§ Stored data:
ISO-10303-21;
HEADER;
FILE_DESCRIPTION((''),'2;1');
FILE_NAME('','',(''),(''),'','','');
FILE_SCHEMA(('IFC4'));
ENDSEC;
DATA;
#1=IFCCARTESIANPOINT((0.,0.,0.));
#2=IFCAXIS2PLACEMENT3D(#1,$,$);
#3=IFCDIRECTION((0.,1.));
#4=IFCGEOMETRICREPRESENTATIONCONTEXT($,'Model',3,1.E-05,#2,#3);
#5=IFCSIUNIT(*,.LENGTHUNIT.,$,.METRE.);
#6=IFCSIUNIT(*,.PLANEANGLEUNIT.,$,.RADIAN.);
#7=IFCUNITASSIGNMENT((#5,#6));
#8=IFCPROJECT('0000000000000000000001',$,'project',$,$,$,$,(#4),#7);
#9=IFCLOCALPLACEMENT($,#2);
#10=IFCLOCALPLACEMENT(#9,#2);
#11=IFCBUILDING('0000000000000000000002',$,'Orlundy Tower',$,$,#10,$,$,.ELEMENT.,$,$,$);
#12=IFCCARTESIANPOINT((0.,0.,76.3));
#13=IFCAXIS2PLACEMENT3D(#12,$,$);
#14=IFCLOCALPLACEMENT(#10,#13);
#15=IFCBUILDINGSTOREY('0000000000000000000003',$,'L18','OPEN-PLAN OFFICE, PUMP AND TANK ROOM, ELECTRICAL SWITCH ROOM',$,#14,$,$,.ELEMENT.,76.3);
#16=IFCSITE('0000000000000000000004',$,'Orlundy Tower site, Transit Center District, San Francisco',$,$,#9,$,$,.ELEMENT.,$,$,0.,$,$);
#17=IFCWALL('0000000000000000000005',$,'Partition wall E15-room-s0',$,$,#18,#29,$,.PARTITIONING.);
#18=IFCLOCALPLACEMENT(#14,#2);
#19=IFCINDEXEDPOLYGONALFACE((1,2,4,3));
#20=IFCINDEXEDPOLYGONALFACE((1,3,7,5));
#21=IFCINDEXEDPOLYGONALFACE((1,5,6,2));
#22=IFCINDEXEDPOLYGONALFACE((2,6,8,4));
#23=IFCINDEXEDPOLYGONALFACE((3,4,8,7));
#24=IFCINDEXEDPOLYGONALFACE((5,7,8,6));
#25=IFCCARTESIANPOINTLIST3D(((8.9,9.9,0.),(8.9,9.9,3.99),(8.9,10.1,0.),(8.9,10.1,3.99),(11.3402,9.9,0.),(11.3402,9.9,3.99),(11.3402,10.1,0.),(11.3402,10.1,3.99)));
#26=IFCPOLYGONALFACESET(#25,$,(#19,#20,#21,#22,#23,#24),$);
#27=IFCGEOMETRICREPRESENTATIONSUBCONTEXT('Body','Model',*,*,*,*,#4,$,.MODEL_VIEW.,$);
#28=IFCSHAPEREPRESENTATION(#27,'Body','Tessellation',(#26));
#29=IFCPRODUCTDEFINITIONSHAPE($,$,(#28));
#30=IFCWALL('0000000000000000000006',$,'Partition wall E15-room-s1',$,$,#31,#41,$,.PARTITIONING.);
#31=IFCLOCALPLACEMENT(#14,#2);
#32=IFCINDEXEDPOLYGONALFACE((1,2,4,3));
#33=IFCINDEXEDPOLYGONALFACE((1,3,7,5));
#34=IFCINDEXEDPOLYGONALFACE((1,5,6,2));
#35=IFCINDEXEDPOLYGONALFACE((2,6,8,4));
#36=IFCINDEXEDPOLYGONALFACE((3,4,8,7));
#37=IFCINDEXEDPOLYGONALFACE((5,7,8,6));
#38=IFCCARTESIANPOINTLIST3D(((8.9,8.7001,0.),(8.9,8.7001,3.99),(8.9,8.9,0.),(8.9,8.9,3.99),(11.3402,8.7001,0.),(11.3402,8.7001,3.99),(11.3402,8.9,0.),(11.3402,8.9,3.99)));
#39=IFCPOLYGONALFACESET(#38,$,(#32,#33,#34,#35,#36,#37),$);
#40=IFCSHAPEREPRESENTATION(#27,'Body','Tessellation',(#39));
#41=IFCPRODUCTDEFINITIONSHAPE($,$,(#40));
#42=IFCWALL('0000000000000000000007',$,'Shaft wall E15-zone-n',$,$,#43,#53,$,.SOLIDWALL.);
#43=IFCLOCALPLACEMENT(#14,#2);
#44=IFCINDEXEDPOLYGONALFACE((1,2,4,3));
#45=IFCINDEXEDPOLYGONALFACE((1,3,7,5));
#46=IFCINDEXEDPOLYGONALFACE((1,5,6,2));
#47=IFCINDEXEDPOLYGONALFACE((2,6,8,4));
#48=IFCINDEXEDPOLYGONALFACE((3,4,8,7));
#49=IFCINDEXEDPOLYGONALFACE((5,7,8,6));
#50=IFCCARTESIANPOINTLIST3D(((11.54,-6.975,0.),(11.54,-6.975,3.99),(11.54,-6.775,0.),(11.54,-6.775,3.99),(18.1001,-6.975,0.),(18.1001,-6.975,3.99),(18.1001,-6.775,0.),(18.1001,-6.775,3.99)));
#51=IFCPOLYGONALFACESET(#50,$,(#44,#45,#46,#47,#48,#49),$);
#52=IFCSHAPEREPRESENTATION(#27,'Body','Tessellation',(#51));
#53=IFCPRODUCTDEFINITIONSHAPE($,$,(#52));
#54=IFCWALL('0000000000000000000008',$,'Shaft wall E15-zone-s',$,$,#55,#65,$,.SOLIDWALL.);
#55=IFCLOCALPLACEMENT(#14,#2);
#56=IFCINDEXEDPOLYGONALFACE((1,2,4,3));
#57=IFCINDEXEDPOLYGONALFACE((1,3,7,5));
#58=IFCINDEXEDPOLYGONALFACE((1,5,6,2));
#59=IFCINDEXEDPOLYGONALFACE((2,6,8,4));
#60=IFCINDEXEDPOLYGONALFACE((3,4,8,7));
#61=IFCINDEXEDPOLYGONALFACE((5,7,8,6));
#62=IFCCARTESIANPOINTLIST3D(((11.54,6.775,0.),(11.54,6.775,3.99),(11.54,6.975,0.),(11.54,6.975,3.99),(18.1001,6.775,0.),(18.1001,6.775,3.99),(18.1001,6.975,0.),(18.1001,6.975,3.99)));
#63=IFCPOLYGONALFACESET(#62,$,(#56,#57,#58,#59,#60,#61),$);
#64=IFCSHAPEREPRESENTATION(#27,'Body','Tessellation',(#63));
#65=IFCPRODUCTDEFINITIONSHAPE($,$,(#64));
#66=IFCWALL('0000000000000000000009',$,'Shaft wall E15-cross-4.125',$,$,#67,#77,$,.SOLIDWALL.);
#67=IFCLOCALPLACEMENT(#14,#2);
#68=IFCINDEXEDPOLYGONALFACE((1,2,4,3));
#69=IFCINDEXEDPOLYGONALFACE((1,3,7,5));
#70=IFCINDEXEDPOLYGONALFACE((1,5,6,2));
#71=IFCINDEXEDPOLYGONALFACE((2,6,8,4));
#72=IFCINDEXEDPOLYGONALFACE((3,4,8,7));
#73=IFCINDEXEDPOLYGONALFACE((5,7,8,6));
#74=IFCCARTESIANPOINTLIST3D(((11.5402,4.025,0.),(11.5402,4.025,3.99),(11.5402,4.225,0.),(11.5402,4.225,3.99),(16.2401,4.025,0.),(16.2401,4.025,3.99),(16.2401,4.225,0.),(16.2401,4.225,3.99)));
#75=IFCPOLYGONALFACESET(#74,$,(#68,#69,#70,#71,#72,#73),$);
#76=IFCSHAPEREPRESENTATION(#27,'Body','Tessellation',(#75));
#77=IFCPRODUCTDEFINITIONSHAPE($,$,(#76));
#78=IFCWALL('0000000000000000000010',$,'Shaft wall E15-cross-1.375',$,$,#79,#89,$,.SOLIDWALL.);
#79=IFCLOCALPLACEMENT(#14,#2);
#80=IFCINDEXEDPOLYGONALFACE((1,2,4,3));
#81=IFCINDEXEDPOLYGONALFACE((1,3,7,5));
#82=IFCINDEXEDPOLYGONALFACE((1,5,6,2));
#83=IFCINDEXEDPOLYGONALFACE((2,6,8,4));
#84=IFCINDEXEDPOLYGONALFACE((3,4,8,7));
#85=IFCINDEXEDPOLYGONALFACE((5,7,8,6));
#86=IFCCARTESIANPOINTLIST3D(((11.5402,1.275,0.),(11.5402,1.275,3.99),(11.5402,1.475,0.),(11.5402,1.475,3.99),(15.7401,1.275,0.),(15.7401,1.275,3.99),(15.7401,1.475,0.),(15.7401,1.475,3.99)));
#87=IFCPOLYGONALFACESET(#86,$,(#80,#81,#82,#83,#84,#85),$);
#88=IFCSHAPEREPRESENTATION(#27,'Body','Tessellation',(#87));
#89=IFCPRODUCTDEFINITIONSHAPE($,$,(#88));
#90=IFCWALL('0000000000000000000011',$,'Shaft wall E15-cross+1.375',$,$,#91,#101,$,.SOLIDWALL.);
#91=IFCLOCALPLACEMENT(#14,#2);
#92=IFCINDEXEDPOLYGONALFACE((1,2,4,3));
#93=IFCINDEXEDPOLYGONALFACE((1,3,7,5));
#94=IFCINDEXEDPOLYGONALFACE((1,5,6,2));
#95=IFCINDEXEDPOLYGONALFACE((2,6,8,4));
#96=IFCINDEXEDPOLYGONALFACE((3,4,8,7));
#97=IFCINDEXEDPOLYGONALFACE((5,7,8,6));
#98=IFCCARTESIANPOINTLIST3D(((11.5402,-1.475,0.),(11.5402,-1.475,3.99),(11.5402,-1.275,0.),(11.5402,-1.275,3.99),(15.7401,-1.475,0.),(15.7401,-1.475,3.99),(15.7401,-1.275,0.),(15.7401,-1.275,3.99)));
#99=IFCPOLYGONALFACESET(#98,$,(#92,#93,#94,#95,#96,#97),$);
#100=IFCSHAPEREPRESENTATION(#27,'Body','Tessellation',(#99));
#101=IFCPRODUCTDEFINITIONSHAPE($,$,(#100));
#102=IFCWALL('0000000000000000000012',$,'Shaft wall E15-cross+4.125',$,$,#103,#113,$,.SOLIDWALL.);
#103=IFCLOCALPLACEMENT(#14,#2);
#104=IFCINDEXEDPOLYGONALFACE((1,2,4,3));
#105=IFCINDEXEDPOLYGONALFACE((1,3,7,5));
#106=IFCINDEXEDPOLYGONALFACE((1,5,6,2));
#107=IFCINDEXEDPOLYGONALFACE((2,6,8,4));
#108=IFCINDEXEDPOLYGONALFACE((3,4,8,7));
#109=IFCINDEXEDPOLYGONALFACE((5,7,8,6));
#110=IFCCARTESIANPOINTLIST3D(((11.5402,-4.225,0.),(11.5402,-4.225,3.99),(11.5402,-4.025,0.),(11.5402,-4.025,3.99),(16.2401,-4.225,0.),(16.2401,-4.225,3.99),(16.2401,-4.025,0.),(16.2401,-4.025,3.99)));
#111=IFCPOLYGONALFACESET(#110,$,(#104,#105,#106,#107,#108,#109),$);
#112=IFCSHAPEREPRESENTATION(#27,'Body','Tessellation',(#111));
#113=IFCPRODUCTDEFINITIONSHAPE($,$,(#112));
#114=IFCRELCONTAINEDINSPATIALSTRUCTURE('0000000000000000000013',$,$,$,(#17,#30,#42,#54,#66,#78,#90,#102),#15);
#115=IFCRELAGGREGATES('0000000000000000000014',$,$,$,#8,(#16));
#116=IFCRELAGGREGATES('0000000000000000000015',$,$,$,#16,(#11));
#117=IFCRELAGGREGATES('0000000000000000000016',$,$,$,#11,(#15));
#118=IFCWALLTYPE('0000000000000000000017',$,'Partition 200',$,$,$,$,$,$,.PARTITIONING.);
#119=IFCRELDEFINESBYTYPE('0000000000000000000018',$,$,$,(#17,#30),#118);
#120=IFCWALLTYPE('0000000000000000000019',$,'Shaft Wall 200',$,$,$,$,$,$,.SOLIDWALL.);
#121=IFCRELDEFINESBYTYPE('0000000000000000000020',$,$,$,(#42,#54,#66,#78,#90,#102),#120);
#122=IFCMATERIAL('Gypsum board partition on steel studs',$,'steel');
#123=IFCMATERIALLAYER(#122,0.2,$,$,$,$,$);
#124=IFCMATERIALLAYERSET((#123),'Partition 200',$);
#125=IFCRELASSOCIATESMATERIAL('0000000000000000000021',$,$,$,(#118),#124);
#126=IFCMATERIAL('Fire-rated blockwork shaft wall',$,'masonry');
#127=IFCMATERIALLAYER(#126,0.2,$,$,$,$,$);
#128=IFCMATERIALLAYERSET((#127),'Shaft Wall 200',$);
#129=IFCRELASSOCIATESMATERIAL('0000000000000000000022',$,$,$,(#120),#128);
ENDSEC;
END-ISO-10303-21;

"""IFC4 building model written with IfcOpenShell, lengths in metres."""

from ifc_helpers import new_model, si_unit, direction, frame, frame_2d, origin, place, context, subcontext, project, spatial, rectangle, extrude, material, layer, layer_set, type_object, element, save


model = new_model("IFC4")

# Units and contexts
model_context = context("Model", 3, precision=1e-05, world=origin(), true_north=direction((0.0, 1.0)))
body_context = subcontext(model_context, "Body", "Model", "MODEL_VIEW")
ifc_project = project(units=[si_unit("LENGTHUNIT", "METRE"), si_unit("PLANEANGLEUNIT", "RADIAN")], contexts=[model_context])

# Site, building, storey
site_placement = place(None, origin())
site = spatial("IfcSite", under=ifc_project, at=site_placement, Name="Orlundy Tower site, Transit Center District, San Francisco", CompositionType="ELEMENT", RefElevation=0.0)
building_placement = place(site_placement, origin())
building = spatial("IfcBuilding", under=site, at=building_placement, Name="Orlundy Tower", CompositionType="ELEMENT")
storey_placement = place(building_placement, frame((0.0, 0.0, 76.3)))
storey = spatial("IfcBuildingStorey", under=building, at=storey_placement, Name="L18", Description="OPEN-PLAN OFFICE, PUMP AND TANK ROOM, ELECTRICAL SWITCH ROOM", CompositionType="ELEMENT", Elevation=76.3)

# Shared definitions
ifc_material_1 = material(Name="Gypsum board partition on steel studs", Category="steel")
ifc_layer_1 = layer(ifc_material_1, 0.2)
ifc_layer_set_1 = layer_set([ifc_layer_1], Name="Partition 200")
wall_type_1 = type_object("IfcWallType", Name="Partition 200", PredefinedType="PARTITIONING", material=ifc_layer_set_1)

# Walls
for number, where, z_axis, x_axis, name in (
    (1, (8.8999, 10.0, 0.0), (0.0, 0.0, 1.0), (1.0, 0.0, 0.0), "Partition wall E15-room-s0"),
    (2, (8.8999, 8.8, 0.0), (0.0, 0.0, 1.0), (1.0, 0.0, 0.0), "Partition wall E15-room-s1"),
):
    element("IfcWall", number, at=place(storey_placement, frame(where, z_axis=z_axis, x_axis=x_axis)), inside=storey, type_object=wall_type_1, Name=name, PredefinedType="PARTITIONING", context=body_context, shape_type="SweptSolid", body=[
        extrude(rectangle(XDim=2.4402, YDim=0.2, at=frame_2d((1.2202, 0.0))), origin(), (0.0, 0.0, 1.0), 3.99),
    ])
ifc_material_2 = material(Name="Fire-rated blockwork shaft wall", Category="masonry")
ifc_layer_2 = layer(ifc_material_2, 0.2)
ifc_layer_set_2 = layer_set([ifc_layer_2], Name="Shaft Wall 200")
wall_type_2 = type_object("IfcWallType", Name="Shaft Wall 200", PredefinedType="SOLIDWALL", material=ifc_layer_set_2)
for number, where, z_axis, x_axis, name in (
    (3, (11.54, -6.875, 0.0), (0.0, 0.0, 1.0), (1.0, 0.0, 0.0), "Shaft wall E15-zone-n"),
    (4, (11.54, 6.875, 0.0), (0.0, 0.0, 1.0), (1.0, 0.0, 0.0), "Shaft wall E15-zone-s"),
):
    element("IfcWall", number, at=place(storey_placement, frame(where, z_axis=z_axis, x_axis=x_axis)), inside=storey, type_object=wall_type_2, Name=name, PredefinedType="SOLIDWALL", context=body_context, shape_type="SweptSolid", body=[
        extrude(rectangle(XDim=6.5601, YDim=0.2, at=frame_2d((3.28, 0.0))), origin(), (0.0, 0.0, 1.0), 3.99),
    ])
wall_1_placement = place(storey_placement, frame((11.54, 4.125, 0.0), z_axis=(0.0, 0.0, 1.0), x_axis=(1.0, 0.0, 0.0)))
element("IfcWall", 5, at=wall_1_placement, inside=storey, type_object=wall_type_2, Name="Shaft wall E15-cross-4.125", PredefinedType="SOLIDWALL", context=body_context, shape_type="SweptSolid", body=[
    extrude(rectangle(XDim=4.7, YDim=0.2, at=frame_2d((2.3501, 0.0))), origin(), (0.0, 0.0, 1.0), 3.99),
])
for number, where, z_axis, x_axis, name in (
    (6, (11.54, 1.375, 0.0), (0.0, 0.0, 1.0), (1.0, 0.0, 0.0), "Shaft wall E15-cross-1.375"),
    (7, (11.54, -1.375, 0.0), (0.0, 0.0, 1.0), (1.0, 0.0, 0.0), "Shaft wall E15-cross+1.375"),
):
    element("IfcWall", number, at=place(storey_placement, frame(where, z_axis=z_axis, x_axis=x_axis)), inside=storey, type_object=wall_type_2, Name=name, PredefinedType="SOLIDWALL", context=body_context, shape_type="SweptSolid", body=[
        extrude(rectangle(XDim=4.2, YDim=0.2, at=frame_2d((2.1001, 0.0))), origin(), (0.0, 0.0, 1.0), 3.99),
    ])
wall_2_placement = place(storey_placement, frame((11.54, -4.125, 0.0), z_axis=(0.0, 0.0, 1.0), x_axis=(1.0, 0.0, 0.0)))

§ What you have to do:
Taking the entries above, write out exactly the lines starting with the line containing "#37=IFCINDEXEDPOLYGONALFACE((5,7,8,6));" and going on through the line containing "#46=IFCINDEXEDPOLYGONALFACE((1,5,6,2));", both included, and nothing else.

§ Answer to the exercise:
#37=IFCINDEXEDPOLYGONALFACE((5,7,8,6));
#38=IFCCARTESIANPOINTLIST3D(((8.9,8.7001,0.),(8.9,8.7001,3.99),(8.9,8.9,0.),(8.9,8.9,3.99),(11.3402,8.7001,0.),(11.3402,8.7001,3.99),(11.3402,8.9,0.),(11.3402,8.9,3.99)));
#39=IFCPOLYGONALFACESET(#38,$,(#32,#33,#34,#35,#36,#37),$);
#40=IFCSHAPEREPRESENTATION(#27,'Body','Tessellation',(#39));
#41=IFCPRODUCTDEFINITIONSHAPE($,$,(#40));
#42=IFCWALL('0000000000000000000007',$,'Shaft wall E15-zone-n',$,$,#43,#53,$,.SOLIDWALL.);
#43=IFCLOCALPLACEMENT(#14,#2);
#44=IFCINDEXEDPOLYGONALFACE((1,2,4,3));
#45=IFCINDEXEDPOLYGONALFACE((1,3,7,5));
#46=IFCINDEXEDPOLYGONALFACE((1,5,6,2));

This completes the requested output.